The answer is to be an exact copy of the lines below running from the line with "#20=IFCINDEXEDPOLYGONALFACE((1,3,7,5));" down to the line with "#28=IFCINDEXEDPOLYGONALFACE((13,15,16,14));", both ends included, and nothing more.

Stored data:
• • • • •

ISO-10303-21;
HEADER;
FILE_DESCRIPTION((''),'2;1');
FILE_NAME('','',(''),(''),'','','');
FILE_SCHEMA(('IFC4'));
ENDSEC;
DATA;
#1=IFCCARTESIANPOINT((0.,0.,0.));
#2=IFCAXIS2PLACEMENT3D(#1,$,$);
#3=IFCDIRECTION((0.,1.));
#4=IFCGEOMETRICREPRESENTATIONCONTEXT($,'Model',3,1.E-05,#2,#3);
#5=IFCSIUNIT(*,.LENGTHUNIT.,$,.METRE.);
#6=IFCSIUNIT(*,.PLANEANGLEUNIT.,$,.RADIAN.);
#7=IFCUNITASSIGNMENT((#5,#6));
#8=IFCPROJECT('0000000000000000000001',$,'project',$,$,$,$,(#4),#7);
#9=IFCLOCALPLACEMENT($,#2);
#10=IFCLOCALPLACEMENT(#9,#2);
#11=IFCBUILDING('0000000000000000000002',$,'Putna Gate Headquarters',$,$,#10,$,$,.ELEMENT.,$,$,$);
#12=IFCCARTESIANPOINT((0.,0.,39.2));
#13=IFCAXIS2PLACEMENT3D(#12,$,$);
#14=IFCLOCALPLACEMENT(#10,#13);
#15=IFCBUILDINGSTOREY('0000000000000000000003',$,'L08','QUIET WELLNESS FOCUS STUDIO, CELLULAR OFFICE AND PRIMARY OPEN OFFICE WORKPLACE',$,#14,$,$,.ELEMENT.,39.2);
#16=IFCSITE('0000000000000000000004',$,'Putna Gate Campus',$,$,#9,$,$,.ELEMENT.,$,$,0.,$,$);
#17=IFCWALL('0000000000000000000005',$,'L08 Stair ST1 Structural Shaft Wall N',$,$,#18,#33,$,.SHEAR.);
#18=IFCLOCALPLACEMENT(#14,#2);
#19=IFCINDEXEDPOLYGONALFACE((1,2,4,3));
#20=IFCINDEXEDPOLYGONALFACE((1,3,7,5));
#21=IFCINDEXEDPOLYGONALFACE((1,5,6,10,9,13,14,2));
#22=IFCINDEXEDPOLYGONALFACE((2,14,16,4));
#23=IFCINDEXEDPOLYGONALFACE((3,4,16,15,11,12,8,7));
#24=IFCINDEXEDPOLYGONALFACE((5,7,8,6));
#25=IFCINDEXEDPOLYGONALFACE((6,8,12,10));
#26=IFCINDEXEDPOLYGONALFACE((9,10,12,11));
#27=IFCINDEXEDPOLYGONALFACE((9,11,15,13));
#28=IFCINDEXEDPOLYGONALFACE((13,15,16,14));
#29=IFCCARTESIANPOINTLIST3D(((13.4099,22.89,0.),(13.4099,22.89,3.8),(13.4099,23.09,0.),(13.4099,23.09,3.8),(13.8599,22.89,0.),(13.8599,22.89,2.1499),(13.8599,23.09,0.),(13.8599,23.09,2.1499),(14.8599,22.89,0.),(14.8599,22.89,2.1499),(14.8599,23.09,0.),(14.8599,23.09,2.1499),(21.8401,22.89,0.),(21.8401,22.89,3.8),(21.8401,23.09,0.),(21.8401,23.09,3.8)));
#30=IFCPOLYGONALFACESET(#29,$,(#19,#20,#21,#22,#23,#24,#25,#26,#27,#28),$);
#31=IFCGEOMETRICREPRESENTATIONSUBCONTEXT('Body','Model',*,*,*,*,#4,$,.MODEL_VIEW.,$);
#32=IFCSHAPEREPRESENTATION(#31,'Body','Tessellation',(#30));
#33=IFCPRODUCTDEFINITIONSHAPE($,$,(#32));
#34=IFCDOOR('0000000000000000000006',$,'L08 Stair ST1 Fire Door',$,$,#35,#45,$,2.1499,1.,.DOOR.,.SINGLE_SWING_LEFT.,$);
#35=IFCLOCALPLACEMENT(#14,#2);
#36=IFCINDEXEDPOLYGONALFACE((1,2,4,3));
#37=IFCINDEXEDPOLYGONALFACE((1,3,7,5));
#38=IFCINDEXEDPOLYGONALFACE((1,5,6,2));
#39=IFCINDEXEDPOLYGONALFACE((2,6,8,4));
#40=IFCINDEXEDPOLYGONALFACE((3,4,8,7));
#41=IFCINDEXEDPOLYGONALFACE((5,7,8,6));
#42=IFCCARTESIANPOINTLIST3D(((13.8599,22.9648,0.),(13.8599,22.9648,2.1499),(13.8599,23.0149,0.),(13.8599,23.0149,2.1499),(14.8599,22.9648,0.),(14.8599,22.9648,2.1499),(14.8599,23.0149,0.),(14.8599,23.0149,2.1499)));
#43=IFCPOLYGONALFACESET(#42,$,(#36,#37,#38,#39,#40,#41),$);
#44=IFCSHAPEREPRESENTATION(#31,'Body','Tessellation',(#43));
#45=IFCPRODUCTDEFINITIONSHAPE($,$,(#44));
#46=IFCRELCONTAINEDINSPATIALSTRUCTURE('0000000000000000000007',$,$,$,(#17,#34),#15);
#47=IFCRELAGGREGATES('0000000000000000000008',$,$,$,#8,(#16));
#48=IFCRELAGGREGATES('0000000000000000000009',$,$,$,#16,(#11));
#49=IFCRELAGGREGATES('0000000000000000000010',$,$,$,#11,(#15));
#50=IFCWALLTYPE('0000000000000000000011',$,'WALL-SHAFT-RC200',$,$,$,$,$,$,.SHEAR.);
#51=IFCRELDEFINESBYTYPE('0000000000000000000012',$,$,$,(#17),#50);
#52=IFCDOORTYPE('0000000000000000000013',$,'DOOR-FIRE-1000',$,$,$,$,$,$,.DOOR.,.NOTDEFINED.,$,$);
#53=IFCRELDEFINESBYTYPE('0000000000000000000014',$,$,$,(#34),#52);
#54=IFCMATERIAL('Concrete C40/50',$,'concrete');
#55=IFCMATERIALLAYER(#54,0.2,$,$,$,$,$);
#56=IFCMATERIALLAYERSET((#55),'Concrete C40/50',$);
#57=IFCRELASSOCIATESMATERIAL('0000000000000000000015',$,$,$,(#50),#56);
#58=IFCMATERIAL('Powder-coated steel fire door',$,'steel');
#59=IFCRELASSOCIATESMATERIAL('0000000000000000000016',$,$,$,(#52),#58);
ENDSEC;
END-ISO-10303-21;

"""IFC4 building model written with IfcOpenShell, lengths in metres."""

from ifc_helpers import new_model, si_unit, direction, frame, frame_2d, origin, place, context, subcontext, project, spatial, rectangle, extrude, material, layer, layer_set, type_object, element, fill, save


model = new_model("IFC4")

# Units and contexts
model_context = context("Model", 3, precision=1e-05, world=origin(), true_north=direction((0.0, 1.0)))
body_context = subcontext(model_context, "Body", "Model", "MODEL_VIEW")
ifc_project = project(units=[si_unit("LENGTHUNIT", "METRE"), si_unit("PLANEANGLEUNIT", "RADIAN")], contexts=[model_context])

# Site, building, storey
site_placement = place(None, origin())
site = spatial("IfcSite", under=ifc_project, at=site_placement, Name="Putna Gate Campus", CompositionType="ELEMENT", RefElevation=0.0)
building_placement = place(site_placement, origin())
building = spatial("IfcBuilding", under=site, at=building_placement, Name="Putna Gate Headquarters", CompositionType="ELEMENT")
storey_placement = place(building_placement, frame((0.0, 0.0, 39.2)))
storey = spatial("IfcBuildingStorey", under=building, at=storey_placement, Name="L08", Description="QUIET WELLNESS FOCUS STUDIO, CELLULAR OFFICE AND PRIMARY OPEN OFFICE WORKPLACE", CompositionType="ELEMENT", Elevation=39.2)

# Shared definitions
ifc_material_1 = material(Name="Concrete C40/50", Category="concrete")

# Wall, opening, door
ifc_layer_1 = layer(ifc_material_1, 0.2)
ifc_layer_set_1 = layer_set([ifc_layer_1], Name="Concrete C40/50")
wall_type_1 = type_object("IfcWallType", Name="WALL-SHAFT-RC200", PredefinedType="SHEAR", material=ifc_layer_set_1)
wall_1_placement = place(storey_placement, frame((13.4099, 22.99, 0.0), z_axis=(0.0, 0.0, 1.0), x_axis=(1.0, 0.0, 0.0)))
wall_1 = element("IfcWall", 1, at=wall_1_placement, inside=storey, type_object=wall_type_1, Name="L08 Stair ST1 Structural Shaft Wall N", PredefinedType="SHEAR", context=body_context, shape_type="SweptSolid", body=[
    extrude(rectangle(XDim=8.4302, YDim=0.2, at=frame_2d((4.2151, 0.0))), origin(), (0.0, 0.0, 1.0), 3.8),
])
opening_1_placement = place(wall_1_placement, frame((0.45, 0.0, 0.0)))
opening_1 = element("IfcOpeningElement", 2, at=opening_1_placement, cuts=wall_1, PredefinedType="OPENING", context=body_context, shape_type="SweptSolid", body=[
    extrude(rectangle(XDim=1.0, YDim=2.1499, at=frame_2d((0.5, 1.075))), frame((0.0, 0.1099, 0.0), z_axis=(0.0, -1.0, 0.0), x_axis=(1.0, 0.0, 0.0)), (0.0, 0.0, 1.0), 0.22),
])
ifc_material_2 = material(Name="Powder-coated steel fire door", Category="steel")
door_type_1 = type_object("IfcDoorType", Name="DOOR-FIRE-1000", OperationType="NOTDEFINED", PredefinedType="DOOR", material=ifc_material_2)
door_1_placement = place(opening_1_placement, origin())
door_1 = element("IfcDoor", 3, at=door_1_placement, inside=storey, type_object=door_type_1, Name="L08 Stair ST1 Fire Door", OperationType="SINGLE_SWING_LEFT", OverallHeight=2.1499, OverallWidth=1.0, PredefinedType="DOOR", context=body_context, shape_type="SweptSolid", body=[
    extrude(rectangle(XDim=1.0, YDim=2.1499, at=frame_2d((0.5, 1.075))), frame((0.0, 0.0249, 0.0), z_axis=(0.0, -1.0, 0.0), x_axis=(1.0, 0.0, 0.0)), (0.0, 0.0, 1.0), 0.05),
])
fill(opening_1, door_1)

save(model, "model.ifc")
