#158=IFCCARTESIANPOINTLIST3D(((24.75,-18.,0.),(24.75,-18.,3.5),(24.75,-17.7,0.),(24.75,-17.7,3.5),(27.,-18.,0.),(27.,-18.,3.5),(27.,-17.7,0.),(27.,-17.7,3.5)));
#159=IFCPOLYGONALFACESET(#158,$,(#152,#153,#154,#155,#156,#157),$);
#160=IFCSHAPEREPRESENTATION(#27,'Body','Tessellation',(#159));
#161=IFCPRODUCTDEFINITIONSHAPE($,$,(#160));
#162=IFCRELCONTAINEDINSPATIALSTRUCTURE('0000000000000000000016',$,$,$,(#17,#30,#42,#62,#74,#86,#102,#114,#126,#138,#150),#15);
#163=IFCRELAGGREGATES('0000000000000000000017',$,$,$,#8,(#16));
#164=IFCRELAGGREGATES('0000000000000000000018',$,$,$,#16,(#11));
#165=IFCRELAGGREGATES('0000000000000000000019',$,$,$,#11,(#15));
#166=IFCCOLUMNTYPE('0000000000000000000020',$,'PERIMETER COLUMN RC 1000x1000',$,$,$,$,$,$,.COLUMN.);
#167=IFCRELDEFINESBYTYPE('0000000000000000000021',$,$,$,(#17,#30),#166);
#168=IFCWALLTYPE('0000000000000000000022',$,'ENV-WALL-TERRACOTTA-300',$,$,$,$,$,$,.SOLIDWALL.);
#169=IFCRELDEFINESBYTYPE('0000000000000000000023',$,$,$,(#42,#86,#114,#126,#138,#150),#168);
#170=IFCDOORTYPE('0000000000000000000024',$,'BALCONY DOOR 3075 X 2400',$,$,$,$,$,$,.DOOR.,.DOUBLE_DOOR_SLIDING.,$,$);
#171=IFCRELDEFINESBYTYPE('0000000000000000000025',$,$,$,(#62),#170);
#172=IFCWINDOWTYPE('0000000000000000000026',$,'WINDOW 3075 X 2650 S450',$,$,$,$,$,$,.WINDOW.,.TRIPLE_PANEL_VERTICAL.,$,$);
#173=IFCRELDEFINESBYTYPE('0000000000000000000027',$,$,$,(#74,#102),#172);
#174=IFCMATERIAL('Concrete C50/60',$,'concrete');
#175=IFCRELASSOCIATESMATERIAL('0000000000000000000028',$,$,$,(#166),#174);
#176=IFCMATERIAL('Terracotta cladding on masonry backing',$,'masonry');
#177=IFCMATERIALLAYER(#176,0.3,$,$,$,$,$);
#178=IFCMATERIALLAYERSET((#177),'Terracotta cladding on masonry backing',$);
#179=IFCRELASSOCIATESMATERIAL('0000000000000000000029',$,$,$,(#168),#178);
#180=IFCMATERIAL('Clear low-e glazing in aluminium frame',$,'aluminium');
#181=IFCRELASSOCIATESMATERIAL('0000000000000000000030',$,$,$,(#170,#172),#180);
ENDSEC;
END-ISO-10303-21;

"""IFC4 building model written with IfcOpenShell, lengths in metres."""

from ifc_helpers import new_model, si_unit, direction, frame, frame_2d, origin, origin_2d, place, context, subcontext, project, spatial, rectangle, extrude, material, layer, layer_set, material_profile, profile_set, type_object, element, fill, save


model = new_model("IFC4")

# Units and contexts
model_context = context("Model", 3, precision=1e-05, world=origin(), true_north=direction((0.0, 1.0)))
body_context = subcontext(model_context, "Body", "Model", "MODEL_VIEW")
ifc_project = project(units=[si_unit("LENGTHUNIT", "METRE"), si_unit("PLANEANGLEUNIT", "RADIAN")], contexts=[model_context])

• • • • •

■ **Written response**
#20=IFCINDEXEDPOLYGONALFACE((1,3,7,5));
#21=IFCINDEXEDPOLYGONALFACE((1,5,6,10,9,13,14,2));
#22=IFCINDEXEDPOLYGONALFACE((2,14,16,4));
#23=IFCINDEXEDPOLYGONALFACE((3,4,16,15,11,12,8,7));
#24=IFCINDEXEDPOLYGONALFACE((5,7,8,6));
#25=IFCINDEXEDPOLYGONALFACE((6,8,12,10));
#26=IFCINDEXEDPOLYGONALFACE((9,10,12,11));
#27=IFCINDEXEDPOLYGONALFACE((9,11,15,13));
#28=IFCINDEXEDPOLYGONALFACE((13,15,16,14));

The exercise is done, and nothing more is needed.